Produce the records again in full, exactly as shown below.

Source material:
################
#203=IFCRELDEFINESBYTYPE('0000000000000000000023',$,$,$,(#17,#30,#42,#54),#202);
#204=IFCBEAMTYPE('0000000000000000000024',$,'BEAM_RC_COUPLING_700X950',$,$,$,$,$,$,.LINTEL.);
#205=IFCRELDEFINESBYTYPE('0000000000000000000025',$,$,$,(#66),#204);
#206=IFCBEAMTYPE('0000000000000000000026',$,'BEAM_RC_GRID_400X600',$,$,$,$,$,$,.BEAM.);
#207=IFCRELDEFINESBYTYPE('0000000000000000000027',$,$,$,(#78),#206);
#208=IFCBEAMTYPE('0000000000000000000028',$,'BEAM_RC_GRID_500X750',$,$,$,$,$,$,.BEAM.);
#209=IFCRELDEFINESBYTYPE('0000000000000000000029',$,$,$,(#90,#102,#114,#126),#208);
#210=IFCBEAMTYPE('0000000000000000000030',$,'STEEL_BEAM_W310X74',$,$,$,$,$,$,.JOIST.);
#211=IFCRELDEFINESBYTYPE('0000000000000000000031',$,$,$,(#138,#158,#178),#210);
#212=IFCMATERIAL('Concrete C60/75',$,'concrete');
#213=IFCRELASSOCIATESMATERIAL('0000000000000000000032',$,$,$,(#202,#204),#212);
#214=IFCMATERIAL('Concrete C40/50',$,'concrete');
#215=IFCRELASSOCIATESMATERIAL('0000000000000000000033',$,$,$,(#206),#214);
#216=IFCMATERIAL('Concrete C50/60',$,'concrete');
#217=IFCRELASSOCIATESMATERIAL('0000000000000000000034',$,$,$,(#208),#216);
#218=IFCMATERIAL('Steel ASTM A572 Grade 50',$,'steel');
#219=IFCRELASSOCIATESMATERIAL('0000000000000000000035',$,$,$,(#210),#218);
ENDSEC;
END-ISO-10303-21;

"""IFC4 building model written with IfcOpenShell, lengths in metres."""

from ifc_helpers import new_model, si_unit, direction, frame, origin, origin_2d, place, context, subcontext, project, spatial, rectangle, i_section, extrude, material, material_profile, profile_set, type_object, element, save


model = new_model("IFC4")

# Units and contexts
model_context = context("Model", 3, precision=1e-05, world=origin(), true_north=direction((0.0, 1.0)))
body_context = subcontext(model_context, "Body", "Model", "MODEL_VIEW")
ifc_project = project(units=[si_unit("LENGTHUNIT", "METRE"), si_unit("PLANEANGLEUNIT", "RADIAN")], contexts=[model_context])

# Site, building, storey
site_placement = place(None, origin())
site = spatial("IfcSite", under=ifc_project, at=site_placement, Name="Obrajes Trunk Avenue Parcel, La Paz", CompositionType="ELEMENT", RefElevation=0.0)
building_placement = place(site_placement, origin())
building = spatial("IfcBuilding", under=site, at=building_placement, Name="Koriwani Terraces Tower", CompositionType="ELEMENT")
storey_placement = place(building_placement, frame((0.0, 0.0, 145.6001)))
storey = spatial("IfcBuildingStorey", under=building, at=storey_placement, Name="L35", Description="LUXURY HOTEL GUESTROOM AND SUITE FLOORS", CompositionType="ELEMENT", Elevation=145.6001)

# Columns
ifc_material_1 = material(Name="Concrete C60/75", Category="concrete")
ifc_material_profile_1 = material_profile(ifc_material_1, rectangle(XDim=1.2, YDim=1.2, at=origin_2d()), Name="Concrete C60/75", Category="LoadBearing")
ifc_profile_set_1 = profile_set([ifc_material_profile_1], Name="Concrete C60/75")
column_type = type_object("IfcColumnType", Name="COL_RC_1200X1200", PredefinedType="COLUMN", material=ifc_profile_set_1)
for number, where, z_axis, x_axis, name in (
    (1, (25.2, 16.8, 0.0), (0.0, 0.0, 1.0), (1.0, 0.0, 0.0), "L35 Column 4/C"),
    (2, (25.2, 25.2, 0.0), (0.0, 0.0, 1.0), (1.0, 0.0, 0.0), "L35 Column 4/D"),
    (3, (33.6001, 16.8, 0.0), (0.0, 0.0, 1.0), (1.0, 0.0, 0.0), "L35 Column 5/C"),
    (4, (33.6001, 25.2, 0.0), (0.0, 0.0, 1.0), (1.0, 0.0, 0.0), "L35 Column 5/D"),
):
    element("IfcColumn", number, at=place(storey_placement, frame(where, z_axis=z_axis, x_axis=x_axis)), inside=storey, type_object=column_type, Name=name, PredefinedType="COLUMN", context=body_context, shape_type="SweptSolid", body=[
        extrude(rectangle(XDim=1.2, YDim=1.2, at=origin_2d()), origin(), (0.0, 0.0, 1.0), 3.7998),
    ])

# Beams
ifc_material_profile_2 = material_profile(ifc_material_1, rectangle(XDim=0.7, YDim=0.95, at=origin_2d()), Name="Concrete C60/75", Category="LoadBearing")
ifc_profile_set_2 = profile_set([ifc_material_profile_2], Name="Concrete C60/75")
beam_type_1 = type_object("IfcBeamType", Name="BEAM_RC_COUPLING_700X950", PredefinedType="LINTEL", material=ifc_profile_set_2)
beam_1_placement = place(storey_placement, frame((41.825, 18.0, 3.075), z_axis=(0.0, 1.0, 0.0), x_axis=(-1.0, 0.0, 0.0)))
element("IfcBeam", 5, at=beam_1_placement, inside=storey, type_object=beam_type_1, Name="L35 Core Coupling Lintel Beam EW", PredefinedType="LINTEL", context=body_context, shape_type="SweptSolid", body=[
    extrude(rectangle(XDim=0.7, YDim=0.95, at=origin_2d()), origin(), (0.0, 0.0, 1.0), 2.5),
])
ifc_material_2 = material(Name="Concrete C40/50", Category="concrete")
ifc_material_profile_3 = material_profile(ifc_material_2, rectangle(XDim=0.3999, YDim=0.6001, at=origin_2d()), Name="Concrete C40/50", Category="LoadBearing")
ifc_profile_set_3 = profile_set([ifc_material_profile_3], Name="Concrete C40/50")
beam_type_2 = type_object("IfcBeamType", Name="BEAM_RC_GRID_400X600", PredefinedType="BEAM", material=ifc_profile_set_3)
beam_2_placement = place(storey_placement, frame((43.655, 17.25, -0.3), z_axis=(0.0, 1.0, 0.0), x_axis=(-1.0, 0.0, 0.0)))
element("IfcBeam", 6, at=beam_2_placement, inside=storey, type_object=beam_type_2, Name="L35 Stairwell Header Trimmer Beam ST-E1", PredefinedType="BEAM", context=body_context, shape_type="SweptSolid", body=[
################
Solution:
#203=IFCRELDEFINESBYTYPE('0000000000000000000023',$,$,$,(#17,#30,#42,#54),#202);
#204=IFCBEAMTYPE('0000000000000000000024',$,'BEAM_RC_COUPLING_700X950',$,$,$,$,$,$,.LINTEL.);
#205=IFCRELDEFINESBYTYPE('0000000000000000000025',$,$,$,(#66),#204);
#206=IFCBEAMTYPE('0000000000000000000026',$,'BEAM_RC_GRID_400X600',$,$,$,$,$,$,.BEAM.);
#207=IFCRELDEFINESBYTYPE('0000000000000000000027',$,$,$,(#78),#206);
#208=IFCBEAMTYPE('0000000000000000000028',$,'BEAM_RC_GRID_500X750',$,$,$,$,$,$,.BEAM.);
#209=IFCRELDEFINESBYTYPE('0000000000000000000029',$,$,$,(#90,#102,#114,#126),#208);
#210=IFCBEAMTYPE('0000000000000000000030',$,'STEEL_BEAM_W310X74',$,$,$,$,$,$,.JOIST.);
#211=IFCRELDEFINESBYTYPE('0000000000000000000031',$,$,$,(#138,#158,#178),#210);
#212=IFCMATERIAL('Concrete C60/75',$,'concrete');
#213=IFCRELASSOCIATESMATERIAL('0000000000000000000032',$,$,$,(#202,#204),#212);
#214=IFCMATERIAL('Concrete C40/50',$,'concrete');
#215=IFCRELASSOCIATESMATERIAL('0000000000000000000033',$,$,$,(#206),#214);
#216=IFCMATERIAL('Concrete C50/60',$,'concrete');
#217=IFCRELASSOCIATESMATERIAL('0000000000000000000034',$,$,$,(#208),#216);
#218=IFCMATERIAL('Steel ASTM A572 Grade 50',$,'steel');
#219=IFCRELASSOCIATESMATERIAL('0000000000000000000035',$,$,$,(#210),#218);
ENDSEC;
END-ISO-10303-21;

"""IFC4 building model written with IfcOpenShell, lengths in metres."""

from ifc_helpers import new_model, si_unit, direction, frame, origin, origin_2d, place, context, subcontext, project, spatial, rectangle, i_section, extrude, material, material_profile, profile_set, type_object, element, save


model = new_model("IFC4")

# Units and contexts
model_context = context("Model", 3, precision=1e-05, world=origin(), true_north=direction((0.0, 1.0)))
body_context = subcontext(model_context, "Body", "Model", "MODEL_VIEW")
ifc_project = project(units=[si_unit("LENGTHUNIT", "METRE"), si_unit("PLANEANGLEUNIT", "RADIAN")], contexts=[model_context])

# Site, building, storey
site_placement = place(None, origin())
site = spatial("IfcSite", under=ifc_project, at=site_placement, Name="Obrajes Trunk Avenue Parcel, La Paz", CompositionType="ELEMENT", RefElevation=0.0)
building_placement = place(site_placement, origin())
building = spatial("IfcBuilding", under=site, at=building_placement, Name="Koriwani Terraces Tower", CompositionType="ELEMENT")
storey_placement = place(building_placement, frame((0.0, 0.0, 145.6001)))
storey = spatial("IfcBuildingStorey", under=building, at=storey_placement, Name="L35", Description="LUXURY HOTEL GUESTROOM AND SUITE FLOORS", CompositionType="ELEMENT", Elevation=145.6001)

# Columns
ifc_material_1 = material(Name="Concrete C60/75", Category="concrete")
ifc_material_profile_1 = material_profile(ifc_material_1, rectangle(XDim=1.2, YDim=1.2, at=origin_2d()), Name="Concrete C60/75", Category="LoadBearing")
ifc_profile_set_1 = profile_set([ifc_material_profile_1], Name="Concrete C60/75")
column_type = type_object("IfcColumnType", Name="COL_RC_1200X1200", PredefinedType="COLUMN", material=ifc_profile_set_1)
for number, where, z_axis, x_axis, name in (
    (1, (25.2, 16.8, 0.0), (0.0, 0.0, 1.0), (1.0, 0.0, 0.0), "L35 Column 4/C"),
    (2, (25.2, 25.2, 0.0), (0.0, 0.0, 1.0), (1.0, 0.0, 0.0), "L35 Column 4/D"),
    (3, (33.6001, 16.8, 0.0), (0.0, 0.0, 1.0), (1.0, 0.0, 0.0), "L35 Column 5/C"),
    (4, (33.6001, 25.2, 0.0), (0.0, 0.0, 1.0), (1.0, 0.0, 0.0), "L35 Column 5/D"),
):
    element("IfcColumn", number, at=place(storey_placement, frame(where, z_axis=z_axis, x_axis=x_axis)), inside=storey, type_object=column_type, Name=name, PredefinedType="COLUMN", context=body_context, shape_type="SweptSolid", body=[
        extrude(rectangle(XDim=1.2, YDim=1.2, at=origin_2d()), origin(), (0.0, 0.0, 1.0), 3.7998),
    ])

# Beams
ifc_material_profile_2 = material_profile(ifc_material_1, rectangle(XDim=0.7, YDim=0.95, at=origin_2d()), Name="Concrete C60/75", Category="LoadBearing")
ifc_profile_set_2 = profile_set([ifc_material_profile_2], Name="Concrete C60/75")
beam_type_1 = type_object("IfcBeamType", Name="BEAM_RC_COUPLING_700X950", PredefinedType="LINTEL", material=ifc_profile_set_2)
beam_1_placement = place(storey_placement, frame((41.825, 18.0, 3.075), z_axis=(0.0, 1.0, 0.0), x_axis=(-1.0, 0.0, 0.0)))
element("IfcBeam", 5, at=beam_1_placement, inside=storey, type_object=beam_type_1, Name="L35 Core Coupling Lintel Beam EW", PredefinedType="LINTEL", context=body_context, shape_type="SweptSolid", body=[
    extrude(rectangle(XDim=0.7, YDim=0.95, at=origin_2d()), origin(), (0.0, 0.0, 1.0), 2.5),
])
ifc_material_2 = material(Name="Concrete C40/50", Category="concrete")
ifc_material_profile_3 = material_profile(ifc_material_2, rectangle(XDim=0.3999, YDim=0.6001, at=origin_2d()), Name="Concrete C40/50", Category="LoadBearing")
ifc_profile_set_3 = profile_set([ifc_material_profile_3], Name="Concrete C40/50")
beam_type_2 = type_object("IfcBeamType", Name="BEAM_RC_GRID_400X600", PredefinedType="BEAM", material=ifc_profile_set_3)
beam_2_placement = place(storey_placement, frame((43.655, 17.25, -0.3), z_axis=(0.0, 1.0, 0.0), x_axis=(-1.0, 0.0, 0.0)))
element("IfcBeam", 6, at=beam_2_placement, inside=storey, type_object=beam_type_2, Name="L35 Stairwell Header Trimmer Beam ST-E1", PredefinedType="BEAM", context=body_context, shape_type="SweptSolid", body=[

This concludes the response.